____ EXCERPTED RECORDS

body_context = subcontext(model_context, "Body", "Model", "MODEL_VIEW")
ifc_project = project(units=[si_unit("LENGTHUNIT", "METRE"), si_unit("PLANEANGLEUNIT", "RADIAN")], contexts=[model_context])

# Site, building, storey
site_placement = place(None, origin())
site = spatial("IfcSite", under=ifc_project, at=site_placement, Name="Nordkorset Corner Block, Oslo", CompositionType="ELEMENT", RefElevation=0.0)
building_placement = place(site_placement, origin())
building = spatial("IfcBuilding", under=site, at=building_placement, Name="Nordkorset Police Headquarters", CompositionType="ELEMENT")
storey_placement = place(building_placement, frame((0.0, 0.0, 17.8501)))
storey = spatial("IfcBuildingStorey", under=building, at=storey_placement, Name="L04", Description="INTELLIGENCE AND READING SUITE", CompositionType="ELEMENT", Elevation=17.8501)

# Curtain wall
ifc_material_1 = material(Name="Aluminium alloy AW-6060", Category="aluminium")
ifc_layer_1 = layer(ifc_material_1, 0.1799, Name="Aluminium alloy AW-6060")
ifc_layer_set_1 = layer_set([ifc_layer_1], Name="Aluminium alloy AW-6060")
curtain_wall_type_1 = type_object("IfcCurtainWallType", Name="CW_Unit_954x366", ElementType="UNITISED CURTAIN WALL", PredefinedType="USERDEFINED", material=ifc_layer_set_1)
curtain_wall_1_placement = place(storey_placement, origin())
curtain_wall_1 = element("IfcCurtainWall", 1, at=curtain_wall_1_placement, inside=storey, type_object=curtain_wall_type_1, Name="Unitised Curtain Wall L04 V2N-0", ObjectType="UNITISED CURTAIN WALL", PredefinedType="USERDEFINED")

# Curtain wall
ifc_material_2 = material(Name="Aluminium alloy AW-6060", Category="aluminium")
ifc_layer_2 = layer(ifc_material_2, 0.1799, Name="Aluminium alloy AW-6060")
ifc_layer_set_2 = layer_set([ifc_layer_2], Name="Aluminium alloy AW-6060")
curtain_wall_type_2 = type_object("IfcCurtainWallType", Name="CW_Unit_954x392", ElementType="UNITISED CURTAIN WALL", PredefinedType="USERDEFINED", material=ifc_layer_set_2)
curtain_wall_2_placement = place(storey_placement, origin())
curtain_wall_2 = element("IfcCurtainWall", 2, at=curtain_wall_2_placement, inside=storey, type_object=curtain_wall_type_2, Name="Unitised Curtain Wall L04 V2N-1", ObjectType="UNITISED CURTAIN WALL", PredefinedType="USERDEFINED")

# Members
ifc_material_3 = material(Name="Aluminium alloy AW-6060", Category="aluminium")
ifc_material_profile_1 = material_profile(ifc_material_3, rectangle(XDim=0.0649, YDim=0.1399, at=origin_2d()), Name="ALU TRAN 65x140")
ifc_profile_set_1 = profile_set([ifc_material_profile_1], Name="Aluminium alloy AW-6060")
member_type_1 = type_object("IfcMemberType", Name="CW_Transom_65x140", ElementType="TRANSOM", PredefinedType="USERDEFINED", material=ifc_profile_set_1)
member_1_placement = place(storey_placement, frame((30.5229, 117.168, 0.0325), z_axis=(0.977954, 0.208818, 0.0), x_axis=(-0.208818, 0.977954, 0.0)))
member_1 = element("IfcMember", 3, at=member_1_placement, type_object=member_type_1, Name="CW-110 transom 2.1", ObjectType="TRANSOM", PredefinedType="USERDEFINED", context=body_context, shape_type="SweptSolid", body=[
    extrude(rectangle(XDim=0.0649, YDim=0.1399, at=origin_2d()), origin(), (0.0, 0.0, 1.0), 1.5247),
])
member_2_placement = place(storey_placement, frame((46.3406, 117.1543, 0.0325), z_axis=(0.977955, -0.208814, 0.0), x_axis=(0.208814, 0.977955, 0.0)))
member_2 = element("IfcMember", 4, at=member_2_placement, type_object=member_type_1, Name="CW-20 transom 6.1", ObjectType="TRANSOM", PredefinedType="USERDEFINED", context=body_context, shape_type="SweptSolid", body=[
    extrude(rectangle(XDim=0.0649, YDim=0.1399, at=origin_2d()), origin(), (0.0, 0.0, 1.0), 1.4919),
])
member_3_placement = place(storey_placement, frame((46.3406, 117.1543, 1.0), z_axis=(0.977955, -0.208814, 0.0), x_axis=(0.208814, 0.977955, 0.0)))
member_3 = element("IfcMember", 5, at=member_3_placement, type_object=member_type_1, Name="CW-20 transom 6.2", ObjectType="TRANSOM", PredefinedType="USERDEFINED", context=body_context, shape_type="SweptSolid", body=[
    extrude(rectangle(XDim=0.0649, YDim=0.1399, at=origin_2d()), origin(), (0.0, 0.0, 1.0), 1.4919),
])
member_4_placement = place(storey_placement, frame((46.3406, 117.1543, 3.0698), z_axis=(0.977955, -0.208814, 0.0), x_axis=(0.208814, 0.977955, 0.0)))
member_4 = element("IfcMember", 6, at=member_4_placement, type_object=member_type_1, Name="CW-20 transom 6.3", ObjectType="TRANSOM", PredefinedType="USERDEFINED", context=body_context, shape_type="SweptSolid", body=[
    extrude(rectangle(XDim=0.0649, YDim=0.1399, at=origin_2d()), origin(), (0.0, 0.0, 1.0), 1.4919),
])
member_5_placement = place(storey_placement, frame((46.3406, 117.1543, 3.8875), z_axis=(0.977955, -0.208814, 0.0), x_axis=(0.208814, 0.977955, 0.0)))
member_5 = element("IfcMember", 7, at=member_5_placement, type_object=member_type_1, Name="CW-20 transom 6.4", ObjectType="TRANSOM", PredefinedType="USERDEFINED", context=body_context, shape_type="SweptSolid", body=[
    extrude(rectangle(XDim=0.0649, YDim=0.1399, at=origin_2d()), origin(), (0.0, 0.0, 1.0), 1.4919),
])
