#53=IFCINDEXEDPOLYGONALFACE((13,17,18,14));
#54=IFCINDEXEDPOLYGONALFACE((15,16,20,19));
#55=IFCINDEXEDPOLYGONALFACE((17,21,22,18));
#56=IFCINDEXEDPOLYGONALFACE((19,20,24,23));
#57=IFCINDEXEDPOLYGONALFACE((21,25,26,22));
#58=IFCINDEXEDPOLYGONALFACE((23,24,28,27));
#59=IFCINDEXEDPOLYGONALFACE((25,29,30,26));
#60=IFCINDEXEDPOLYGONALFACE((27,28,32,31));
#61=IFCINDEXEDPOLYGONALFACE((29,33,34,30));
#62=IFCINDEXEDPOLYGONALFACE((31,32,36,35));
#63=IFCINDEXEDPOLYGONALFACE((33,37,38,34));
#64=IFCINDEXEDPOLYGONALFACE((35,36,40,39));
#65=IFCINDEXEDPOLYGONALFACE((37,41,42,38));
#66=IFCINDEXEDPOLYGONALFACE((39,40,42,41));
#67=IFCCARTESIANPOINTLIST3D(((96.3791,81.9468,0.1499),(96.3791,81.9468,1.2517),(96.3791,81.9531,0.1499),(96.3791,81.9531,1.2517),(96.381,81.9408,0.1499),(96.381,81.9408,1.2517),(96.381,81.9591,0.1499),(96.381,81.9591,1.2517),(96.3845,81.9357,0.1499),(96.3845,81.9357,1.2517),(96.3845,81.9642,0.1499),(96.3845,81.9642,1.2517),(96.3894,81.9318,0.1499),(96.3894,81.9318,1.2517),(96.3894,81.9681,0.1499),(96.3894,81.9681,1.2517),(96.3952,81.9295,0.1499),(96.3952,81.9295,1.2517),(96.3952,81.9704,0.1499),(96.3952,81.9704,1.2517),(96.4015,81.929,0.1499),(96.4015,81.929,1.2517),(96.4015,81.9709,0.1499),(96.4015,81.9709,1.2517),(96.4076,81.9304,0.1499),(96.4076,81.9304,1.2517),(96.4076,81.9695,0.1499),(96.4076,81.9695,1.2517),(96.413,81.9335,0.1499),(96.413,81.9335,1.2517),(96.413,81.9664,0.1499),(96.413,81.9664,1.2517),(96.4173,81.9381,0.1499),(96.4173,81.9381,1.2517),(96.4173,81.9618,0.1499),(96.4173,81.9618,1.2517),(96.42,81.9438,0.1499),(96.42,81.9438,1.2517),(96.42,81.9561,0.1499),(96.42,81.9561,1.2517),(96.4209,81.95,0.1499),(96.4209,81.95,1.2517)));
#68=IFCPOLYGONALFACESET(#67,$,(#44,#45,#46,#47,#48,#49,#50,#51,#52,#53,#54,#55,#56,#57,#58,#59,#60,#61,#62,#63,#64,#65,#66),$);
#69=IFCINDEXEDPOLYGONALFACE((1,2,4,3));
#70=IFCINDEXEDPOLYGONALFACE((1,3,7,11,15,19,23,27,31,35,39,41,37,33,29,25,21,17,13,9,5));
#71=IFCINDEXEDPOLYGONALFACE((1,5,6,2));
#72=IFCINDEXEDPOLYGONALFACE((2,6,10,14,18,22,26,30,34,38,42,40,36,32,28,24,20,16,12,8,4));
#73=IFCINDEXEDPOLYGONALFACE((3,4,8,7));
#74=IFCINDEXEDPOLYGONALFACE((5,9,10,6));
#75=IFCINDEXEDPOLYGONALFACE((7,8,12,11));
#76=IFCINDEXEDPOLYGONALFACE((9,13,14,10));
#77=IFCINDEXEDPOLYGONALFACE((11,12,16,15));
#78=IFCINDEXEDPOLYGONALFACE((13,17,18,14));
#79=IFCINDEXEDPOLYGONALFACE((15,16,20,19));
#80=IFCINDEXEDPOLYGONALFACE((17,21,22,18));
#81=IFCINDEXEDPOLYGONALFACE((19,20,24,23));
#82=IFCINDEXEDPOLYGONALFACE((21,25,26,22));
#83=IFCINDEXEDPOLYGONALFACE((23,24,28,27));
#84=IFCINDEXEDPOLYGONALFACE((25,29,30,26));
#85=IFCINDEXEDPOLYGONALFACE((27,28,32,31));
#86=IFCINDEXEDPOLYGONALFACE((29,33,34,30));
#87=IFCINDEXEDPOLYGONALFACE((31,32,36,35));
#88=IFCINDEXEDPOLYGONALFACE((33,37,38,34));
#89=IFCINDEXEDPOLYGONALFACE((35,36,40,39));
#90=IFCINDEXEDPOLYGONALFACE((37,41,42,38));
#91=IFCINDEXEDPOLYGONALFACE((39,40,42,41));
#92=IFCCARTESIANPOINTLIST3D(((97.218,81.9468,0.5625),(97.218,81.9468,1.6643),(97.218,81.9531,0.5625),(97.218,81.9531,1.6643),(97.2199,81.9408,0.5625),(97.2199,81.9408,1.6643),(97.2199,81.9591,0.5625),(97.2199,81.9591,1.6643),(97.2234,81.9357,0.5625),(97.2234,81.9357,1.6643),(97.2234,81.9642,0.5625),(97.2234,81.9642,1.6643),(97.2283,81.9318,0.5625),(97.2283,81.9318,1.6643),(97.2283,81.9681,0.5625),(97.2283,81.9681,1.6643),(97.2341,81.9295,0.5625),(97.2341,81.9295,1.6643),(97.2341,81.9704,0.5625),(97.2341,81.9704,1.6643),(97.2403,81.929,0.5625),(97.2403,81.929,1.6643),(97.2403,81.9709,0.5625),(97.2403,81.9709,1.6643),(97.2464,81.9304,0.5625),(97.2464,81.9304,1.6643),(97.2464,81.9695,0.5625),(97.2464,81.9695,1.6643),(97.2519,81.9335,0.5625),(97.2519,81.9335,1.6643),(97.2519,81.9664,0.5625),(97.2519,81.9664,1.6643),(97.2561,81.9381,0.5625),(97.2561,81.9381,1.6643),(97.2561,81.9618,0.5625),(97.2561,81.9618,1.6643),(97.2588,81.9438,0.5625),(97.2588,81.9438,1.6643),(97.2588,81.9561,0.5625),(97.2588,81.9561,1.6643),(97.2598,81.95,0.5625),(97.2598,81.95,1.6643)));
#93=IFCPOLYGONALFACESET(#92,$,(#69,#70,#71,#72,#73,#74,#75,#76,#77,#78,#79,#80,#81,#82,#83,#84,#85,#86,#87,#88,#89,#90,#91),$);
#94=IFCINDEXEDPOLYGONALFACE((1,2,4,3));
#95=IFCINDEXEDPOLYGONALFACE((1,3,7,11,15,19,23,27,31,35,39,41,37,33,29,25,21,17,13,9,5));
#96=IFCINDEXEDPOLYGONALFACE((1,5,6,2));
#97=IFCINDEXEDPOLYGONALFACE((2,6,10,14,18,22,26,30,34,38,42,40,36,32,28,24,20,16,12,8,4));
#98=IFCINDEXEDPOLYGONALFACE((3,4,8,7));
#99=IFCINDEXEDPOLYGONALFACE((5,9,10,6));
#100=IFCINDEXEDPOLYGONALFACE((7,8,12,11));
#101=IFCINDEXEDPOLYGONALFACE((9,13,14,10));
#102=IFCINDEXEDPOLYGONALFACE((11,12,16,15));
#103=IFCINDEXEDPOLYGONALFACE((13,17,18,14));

________

§ **EXERCISE OBJECTIVE**
If a line in the records above holds the string "Aluminium", copy it.

§ **EXERCISE ANSWER**
ifc_material_1 = material(Name="Aluminium alloy AW-6060", Category="aluminium")
ifc_layer_1 = layer(ifc_material_1, 0.1799, Name="Aluminium alloy AW-6060")
ifc_layer_set_1 = layer_set([ifc_layer_1], Name="Aluminium alloy AW-6060")
ifc_material_2 = material(Name="Aluminium alloy AW-6060", Category="aluminium")
ifc_layer_2 = layer(ifc_material_2, 0.1799, Name="Aluminium alloy AW-6060")
ifc_layer_set_2 = layer_set([ifc_layer_2], Name="Aluminium alloy AW-6060")
ifc_material_3 = material(Name="Aluminium alloy AW-6060", Category="aluminium")
ifc_profile_set_1 = profile_set([ifc_material_profile_1], Name="Aluminium alloy AW-6060")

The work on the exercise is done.